--- ENTRIES SHOWN Enclosed Below ---

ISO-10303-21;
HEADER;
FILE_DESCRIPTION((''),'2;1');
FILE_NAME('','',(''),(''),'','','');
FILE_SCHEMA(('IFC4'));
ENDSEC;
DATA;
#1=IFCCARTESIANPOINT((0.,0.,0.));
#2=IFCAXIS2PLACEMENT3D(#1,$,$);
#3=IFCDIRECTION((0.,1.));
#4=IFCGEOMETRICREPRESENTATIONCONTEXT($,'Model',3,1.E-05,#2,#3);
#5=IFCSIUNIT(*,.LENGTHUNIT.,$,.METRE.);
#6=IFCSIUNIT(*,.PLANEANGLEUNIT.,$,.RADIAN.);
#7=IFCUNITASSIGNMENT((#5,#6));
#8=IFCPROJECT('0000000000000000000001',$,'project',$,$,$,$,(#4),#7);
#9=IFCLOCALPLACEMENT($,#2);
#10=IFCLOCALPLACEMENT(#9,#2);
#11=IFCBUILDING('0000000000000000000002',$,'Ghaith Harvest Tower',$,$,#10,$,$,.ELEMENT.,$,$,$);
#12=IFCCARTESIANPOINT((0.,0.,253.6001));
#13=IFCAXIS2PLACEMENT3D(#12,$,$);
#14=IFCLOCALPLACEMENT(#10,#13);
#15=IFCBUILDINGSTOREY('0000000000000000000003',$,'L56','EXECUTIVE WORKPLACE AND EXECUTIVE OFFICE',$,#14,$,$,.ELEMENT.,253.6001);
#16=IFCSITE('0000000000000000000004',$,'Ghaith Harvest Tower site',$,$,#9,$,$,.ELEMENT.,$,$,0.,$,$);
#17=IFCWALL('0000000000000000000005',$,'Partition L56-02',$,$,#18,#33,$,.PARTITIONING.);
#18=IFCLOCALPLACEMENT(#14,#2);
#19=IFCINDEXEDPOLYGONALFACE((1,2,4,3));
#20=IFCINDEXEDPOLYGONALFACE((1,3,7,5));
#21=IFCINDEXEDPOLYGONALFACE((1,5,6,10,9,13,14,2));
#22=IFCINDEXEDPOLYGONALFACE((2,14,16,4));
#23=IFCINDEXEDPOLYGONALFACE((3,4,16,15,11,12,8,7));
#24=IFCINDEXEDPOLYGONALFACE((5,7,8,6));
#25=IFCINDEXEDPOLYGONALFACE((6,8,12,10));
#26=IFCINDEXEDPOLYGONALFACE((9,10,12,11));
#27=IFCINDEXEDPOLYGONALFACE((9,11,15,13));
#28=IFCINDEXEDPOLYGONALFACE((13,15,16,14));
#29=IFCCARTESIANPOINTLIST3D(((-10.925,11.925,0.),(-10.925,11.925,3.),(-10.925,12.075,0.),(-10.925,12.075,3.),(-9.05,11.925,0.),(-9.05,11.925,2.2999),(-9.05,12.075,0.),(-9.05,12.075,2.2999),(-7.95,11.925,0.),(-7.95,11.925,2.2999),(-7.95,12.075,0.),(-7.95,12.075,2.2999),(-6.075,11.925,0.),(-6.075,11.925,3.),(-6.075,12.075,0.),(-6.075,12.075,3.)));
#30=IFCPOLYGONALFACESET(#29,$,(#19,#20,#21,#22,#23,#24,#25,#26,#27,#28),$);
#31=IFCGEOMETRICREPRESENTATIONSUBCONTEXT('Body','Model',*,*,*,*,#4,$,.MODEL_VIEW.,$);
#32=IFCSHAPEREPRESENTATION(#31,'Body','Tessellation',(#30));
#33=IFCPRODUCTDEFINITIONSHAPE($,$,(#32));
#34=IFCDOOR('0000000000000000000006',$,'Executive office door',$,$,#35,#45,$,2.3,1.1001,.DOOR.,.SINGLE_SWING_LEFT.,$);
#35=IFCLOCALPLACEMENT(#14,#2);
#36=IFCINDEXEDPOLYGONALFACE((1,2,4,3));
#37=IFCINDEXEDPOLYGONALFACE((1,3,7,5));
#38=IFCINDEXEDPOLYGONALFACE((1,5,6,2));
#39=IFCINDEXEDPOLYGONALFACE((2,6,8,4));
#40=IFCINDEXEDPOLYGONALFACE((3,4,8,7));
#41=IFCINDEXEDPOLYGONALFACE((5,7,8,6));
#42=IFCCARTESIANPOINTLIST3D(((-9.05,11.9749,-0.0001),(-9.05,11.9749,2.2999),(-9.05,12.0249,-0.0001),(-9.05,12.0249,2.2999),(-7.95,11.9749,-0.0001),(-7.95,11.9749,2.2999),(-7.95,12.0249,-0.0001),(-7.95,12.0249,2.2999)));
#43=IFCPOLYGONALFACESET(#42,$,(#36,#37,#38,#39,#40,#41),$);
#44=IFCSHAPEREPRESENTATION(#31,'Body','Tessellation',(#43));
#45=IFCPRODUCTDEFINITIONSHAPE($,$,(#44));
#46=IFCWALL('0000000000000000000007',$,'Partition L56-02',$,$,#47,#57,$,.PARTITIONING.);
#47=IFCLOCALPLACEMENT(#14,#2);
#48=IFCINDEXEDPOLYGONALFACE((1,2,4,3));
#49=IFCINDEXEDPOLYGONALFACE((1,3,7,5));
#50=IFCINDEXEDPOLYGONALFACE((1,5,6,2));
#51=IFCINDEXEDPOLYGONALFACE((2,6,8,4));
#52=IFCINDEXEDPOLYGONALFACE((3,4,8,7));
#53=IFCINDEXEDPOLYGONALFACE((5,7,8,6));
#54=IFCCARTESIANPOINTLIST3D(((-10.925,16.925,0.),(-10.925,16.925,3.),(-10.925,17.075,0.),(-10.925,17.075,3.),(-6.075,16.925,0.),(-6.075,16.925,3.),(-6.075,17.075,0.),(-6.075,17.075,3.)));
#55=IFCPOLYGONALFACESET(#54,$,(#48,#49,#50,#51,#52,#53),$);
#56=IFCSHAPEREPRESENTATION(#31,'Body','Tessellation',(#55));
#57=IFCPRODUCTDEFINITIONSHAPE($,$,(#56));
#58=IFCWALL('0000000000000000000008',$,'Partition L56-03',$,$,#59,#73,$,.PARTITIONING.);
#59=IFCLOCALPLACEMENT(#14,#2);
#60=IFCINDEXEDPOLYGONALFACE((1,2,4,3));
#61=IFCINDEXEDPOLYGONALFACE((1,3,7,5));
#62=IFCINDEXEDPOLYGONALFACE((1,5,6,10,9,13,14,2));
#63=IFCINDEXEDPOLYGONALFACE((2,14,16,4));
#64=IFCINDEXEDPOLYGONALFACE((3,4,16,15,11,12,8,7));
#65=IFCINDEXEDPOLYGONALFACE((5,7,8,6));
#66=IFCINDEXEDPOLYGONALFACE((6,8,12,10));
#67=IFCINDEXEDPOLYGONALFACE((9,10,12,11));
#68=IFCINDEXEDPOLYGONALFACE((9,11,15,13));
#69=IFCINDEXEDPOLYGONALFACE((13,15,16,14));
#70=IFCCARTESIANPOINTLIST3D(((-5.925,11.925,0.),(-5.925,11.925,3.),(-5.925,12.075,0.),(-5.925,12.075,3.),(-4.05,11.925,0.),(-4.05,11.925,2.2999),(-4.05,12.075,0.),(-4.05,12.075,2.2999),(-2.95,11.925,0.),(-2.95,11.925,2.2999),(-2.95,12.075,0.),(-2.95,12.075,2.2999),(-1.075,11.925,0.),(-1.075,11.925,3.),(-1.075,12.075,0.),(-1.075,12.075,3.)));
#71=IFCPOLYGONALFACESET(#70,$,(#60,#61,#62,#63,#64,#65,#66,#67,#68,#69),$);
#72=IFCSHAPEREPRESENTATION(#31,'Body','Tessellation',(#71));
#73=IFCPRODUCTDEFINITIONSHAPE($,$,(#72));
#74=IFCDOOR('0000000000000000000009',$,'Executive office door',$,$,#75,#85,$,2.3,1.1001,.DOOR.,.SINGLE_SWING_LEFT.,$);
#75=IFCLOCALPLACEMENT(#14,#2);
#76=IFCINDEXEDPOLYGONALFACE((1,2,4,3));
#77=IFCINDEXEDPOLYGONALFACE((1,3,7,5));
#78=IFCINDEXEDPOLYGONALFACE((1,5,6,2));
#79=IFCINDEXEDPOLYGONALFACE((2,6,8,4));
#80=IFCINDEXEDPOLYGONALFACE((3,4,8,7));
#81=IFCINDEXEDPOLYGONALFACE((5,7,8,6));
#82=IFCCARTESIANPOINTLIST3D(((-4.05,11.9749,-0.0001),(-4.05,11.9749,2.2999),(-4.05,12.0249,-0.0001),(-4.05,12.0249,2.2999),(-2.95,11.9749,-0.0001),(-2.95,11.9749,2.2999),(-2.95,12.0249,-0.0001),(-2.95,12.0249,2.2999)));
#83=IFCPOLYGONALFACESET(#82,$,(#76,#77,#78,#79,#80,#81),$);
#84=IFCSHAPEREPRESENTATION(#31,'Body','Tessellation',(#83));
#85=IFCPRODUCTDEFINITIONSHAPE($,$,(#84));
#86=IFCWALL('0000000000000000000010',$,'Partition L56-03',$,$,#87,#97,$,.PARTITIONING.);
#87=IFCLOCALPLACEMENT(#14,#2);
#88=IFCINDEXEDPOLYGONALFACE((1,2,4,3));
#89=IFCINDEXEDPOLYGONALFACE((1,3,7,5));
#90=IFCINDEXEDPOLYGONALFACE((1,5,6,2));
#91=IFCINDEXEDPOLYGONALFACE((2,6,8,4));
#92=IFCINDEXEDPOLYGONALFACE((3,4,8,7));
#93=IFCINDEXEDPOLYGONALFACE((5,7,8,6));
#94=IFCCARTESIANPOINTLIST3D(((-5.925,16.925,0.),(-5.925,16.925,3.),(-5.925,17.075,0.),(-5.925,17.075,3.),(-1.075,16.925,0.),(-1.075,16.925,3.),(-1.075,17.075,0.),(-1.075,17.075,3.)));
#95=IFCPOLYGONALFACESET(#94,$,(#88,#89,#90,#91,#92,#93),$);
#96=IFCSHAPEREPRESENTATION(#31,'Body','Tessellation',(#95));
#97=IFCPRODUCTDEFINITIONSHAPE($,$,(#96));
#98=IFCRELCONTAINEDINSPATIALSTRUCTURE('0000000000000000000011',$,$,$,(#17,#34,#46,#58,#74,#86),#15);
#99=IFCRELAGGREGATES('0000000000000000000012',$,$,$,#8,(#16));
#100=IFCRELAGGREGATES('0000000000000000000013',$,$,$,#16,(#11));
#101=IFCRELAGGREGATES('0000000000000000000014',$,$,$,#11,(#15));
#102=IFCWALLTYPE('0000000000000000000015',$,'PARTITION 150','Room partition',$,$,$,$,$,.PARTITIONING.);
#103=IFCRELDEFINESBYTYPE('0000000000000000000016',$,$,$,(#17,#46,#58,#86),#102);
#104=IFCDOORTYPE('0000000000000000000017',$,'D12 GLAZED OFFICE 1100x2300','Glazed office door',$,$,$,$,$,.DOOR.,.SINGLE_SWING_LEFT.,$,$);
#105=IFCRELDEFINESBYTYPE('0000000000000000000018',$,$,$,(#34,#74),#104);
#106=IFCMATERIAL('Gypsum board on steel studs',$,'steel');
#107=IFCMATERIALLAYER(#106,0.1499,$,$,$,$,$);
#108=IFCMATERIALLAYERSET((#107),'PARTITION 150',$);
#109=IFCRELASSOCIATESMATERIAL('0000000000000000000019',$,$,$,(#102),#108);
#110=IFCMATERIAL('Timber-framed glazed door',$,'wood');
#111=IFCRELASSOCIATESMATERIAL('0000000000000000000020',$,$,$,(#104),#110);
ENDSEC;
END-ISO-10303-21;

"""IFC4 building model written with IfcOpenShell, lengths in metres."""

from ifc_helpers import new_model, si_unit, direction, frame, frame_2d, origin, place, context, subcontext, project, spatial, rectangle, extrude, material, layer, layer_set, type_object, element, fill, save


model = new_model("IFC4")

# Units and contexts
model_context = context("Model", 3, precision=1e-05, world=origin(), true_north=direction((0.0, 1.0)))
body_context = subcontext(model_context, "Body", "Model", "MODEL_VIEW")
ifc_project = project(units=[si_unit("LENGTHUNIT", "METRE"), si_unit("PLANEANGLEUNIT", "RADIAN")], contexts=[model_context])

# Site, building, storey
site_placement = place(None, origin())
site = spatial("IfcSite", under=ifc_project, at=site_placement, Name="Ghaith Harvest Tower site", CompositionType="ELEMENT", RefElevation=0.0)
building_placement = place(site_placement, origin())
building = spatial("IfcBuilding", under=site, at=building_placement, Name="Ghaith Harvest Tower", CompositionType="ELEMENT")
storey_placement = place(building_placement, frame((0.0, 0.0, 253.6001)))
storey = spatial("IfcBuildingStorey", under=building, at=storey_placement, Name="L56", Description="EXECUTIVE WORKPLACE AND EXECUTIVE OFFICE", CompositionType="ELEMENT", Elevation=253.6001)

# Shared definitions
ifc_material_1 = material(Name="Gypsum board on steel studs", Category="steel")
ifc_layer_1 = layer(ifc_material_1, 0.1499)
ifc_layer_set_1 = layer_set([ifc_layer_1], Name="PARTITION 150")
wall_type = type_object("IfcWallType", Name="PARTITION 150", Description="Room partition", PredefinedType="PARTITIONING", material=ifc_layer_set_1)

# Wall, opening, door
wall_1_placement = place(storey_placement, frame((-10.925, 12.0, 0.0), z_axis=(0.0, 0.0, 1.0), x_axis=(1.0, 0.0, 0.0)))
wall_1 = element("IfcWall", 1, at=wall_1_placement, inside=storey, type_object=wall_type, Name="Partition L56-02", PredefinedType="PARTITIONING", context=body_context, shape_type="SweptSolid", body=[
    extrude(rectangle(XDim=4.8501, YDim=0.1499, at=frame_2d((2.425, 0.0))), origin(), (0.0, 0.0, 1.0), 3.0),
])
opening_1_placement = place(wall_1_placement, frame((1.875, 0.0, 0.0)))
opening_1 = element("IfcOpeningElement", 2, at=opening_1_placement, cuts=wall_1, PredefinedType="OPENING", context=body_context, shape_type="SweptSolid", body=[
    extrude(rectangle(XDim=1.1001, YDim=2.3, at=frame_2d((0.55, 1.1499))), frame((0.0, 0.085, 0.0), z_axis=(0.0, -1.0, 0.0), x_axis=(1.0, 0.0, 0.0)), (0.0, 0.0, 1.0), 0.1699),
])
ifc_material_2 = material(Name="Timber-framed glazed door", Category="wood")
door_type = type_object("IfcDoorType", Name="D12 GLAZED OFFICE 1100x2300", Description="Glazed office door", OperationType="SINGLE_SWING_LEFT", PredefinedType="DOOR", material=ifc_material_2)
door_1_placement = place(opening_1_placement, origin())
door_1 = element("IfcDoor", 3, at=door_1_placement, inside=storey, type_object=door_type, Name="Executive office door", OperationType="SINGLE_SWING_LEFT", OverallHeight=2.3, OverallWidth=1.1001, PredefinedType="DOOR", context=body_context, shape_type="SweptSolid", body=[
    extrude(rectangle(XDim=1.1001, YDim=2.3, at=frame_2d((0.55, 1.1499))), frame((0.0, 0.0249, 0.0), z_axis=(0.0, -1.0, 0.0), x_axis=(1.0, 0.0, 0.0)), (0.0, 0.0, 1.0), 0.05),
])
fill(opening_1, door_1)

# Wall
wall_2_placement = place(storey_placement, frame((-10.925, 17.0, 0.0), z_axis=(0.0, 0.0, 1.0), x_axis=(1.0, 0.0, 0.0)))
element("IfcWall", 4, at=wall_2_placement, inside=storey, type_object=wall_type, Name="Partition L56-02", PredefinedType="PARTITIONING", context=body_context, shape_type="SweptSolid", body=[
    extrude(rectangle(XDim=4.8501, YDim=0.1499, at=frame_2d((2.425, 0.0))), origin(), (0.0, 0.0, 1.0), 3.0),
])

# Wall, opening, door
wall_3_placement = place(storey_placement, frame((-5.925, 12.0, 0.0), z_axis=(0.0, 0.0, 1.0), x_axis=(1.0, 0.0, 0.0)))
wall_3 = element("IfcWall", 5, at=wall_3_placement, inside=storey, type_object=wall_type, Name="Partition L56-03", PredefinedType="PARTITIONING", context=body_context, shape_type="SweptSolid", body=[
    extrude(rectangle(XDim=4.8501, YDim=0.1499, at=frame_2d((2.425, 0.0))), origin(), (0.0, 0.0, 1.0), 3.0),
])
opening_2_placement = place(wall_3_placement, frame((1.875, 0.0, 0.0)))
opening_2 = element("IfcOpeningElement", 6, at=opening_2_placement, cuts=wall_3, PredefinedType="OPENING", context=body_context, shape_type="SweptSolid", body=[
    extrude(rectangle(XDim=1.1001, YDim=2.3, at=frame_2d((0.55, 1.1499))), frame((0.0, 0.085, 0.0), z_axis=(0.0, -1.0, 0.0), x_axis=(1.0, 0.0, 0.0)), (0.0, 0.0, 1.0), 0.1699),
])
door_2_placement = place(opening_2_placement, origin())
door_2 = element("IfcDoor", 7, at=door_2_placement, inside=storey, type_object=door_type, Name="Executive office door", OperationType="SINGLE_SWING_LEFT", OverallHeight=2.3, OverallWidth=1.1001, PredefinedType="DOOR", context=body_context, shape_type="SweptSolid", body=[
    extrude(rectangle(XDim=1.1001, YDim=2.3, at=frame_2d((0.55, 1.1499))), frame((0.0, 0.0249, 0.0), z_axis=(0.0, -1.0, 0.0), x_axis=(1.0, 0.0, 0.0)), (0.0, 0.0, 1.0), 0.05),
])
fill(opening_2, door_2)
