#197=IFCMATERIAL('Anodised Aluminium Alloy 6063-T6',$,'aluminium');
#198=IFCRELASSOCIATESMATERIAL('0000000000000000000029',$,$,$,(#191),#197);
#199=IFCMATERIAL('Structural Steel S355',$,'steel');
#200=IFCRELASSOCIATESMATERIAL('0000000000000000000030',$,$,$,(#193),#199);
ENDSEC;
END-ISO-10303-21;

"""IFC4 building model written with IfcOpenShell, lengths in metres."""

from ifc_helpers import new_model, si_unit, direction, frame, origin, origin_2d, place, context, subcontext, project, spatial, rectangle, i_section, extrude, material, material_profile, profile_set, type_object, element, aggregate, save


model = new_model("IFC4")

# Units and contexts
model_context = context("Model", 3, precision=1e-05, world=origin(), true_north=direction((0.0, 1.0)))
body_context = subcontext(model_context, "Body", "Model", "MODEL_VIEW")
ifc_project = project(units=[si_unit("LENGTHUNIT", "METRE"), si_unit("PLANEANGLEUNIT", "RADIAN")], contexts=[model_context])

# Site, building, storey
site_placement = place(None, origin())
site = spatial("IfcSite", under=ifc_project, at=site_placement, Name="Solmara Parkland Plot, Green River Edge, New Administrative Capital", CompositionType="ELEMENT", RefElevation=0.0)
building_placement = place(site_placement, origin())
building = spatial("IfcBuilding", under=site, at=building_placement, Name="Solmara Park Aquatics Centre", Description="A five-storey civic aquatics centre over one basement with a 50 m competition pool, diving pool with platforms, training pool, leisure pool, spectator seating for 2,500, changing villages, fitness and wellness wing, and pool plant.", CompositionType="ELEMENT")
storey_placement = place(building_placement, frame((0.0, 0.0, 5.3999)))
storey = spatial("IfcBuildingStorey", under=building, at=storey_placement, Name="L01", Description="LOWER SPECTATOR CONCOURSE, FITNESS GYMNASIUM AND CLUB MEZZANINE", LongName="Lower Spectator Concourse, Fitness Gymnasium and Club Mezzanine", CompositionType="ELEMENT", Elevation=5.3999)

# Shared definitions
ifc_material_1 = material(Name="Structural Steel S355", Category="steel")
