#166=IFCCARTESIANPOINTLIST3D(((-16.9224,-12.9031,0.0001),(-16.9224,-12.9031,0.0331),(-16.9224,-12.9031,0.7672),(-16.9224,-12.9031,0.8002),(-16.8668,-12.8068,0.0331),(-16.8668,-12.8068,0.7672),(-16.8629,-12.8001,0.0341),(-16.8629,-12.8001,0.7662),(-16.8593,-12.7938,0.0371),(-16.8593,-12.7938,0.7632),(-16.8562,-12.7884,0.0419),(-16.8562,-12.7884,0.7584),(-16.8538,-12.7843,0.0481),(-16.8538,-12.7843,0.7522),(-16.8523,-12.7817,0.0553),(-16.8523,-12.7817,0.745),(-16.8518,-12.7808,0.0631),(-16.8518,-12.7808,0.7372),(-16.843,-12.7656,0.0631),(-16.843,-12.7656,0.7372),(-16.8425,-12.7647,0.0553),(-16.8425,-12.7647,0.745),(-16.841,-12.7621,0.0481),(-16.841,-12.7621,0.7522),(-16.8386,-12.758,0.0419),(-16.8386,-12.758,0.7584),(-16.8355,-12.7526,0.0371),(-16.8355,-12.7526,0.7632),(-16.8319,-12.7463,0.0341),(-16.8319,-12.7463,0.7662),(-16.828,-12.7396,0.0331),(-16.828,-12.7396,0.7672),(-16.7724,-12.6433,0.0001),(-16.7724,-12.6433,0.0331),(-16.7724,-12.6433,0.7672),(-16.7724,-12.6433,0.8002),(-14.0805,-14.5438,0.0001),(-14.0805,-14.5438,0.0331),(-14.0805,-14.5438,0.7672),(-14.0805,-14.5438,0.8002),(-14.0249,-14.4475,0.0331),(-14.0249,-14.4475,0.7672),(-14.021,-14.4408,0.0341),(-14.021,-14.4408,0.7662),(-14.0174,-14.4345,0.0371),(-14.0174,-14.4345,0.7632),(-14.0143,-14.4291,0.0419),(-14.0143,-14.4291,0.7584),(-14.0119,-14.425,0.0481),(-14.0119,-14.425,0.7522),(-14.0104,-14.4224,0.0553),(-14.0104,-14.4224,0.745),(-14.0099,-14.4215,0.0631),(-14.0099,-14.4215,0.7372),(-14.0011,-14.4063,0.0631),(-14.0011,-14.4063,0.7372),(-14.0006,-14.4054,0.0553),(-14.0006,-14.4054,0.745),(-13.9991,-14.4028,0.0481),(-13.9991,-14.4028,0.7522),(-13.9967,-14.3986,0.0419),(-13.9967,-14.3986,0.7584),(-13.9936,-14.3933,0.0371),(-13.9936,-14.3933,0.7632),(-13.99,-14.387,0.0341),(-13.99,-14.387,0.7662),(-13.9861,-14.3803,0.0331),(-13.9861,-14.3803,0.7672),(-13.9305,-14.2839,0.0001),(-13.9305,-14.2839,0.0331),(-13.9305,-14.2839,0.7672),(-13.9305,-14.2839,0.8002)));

--- End of Enclosed ENTRIES SHOWN ---

WORK INSTRUCTION: Return, with no change at all, every line in the entries above from the line containing "#43=IFCPOLYGONALFACESET(#42,$,(#36,#37,#38,#39,#40,#41),$);" through the line containing "#57=IFCPRODUCTDEFINITIONSHAPE($,$,(#56));".

EXERCISE RESPONSE:
#43=IFCPOLYGONALFACESET(#42,$,(#36,#37,#38,#39,#40,#41),$);
#44=IFCSHAPEREPRESENTATION(#31,'Body','Tessellation',(#43));
#45=IFCPRODUCTDEFINITIONSHAPE($,$,(#44));
#46=IFCWALL('0000000000000000000007',$,'Partition L56-02',$,$,#47,#57,$,.PARTITIONING.);
#47=IFCLOCALPLACEMENT(#14,#2);
#48=IFCINDEXEDPOLYGONALFACE((1,2,4,3));
#49=IFCINDEXEDPOLYGONALFACE((1,3,7,5));
#50=IFCINDEXEDPOLYGONALFACE((1,5,6,2));
#51=IFCINDEXEDPOLYGONALFACE((2,6,8,4));
#52=IFCINDEXEDPOLYGONALFACE((3,4,8,7));
#53=IFCINDEXEDPOLYGONALFACE((5,7,8,6));
#54=IFCCARTESIANPOINTLIST3D(((-10.925,16.925,0.),(-10.925,16.925,3.),(-10.925,17.075,0.),(-10.925,17.075,3.),(-6.075,16.925,0.),(-6.075,16.925,3.),(-6.075,17.075,0.),(-6.075,17.075,3.)));
#55=IFCPOLYGONALFACESET(#54,$,(#48,#49,#50,#51,#52,#53),$);
#56=IFCSHAPEREPRESENTATION(#31,'Body','Tessellation',(#55));
#57=IFCPRODUCTDEFINITIONSHAPE($,$,(#56));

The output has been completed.